#### REQUIRED WORK
Repeat the records below line by line, exactly, finishing on the line that contains "END-ISO-10303-21;".

#### SUPPLIED MATERIAL

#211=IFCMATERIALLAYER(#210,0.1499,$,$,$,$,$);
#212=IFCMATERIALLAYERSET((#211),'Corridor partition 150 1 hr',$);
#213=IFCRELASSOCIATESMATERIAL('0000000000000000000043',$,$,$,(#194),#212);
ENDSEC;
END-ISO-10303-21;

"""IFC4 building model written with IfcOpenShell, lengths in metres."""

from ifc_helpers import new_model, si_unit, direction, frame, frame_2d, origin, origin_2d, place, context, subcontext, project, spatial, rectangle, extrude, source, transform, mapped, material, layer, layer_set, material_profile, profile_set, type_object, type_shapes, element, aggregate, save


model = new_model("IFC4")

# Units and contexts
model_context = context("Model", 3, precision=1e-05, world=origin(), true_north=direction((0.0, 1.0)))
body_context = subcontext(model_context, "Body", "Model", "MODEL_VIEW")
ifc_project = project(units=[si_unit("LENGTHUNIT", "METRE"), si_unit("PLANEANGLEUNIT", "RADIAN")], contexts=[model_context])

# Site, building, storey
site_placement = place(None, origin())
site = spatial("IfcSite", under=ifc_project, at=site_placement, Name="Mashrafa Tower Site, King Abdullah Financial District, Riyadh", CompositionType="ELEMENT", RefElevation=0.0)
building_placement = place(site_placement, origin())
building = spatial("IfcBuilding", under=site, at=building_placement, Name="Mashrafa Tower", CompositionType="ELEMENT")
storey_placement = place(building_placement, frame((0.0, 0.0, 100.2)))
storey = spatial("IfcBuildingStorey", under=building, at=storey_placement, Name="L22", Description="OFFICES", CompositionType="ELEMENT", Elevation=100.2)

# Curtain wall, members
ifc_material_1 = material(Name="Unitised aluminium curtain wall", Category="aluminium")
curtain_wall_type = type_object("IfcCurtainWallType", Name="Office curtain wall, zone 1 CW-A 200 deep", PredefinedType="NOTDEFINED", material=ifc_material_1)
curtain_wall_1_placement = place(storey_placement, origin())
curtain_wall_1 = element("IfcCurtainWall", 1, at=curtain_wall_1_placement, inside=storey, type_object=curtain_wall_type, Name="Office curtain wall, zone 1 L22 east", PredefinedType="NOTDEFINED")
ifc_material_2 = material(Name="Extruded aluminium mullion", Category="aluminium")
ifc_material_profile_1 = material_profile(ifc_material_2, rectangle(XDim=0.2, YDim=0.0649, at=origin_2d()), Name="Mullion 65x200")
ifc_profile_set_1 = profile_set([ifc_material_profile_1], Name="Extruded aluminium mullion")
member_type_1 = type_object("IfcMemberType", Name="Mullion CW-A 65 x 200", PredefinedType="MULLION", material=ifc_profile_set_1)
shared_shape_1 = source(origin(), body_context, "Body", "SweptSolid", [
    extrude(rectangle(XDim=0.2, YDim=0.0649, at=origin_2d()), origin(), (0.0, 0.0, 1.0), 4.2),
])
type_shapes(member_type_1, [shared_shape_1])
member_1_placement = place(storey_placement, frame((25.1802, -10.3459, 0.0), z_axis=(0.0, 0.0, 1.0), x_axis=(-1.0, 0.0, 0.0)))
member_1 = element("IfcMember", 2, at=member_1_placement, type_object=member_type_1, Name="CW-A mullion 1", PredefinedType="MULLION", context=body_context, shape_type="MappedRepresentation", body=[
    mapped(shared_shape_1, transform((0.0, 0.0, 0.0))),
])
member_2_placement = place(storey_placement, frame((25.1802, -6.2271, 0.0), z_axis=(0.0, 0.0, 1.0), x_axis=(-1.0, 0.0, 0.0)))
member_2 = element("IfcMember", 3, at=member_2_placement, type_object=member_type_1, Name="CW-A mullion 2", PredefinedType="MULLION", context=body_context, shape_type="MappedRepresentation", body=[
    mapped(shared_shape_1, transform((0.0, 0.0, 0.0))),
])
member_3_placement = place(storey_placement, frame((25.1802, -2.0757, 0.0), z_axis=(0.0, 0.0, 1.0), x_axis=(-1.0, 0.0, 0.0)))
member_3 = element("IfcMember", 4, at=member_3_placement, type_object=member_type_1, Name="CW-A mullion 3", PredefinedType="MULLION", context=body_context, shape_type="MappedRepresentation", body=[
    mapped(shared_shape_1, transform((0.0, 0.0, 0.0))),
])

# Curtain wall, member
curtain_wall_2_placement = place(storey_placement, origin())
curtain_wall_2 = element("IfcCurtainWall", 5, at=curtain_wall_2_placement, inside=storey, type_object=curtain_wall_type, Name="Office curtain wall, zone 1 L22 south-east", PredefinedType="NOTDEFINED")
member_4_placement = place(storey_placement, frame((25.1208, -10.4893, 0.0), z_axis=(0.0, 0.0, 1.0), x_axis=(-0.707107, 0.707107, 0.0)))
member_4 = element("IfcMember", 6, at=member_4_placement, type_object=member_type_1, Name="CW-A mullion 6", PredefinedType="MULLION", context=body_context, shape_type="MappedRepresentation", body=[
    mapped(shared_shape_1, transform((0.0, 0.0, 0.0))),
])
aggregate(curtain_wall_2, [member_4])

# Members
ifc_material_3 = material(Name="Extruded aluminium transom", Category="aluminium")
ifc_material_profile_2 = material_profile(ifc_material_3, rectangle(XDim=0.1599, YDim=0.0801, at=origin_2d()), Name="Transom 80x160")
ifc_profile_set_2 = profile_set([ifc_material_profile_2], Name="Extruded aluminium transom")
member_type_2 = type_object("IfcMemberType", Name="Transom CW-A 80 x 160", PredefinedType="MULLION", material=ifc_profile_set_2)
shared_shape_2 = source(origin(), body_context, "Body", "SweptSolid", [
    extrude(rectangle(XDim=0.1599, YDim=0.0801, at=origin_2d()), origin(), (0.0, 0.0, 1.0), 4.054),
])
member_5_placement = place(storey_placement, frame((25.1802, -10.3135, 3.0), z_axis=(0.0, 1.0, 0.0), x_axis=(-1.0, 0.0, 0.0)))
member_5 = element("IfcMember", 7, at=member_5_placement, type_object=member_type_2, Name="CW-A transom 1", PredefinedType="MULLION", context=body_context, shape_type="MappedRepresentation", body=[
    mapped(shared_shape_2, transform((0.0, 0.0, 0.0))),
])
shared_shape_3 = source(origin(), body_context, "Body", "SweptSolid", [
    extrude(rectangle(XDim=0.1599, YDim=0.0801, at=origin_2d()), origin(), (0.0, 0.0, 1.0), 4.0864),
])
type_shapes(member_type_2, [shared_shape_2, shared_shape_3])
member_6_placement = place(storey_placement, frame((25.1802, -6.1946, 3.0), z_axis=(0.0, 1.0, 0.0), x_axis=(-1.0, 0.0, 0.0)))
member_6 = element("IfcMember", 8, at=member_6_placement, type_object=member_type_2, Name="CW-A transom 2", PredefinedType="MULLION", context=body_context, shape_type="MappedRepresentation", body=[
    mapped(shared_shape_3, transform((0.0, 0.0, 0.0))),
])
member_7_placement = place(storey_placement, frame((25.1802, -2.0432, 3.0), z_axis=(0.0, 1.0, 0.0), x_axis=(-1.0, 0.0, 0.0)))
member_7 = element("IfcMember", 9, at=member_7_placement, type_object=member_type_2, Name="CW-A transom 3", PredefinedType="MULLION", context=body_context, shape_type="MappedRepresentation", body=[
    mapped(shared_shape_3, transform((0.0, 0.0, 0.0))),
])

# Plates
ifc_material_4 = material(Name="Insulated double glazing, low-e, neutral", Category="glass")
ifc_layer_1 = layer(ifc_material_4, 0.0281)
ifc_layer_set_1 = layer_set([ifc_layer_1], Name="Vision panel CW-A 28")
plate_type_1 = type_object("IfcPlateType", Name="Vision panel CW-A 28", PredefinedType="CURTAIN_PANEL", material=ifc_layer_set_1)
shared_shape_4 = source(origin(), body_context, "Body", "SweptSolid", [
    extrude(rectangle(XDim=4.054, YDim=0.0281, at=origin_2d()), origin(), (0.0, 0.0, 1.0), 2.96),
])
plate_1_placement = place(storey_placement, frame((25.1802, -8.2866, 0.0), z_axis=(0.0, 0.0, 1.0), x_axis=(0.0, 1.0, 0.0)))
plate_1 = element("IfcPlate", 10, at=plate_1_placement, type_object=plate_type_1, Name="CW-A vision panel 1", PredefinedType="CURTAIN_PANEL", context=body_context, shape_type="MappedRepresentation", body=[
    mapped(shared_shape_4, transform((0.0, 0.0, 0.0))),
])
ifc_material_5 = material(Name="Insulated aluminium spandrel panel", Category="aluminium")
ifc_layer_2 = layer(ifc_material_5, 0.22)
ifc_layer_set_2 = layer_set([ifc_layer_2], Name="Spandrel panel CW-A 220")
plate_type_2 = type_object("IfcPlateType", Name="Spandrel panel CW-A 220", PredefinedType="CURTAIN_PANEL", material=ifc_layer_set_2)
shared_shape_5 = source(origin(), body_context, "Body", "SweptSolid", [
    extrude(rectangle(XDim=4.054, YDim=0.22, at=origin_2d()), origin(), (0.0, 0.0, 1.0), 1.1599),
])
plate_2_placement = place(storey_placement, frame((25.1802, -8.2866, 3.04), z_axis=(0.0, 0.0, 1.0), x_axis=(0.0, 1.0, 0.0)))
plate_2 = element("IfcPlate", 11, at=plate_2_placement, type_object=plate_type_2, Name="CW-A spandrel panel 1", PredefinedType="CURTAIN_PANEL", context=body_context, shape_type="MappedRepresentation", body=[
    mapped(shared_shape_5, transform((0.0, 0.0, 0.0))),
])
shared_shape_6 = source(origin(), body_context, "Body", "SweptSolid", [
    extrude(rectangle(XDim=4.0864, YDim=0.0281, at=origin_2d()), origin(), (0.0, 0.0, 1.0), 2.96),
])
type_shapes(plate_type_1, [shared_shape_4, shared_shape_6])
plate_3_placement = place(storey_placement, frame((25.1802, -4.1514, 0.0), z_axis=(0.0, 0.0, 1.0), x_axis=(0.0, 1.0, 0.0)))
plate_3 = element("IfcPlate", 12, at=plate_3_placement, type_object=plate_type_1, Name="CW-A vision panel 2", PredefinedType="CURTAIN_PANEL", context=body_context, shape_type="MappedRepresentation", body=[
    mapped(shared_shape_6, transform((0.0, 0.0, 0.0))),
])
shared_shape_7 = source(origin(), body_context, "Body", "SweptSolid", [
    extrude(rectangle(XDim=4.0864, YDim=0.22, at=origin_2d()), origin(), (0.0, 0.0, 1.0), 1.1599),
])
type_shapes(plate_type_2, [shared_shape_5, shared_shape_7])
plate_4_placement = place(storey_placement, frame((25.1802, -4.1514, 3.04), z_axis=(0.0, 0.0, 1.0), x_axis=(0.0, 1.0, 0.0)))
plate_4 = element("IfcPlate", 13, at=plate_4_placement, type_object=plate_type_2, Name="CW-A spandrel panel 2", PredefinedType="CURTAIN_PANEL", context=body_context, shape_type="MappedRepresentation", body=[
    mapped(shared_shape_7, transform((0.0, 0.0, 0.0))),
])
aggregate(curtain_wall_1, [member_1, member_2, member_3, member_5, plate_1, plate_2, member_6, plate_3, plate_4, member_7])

#### EXERCISE RESPONSE
#211=IFCMATERIALLAYER(#210,0.1499,$,$,$,$,$);
#212=IFCMATERIALLAYERSET((#211),'Corridor partition 150 1 hr',$);
#213=IFCRELASSOCIATESMATERIAL('0000000000000000000043',$,$,$,(#194),#212);
ENDSEC;
END-ISO-10303-21;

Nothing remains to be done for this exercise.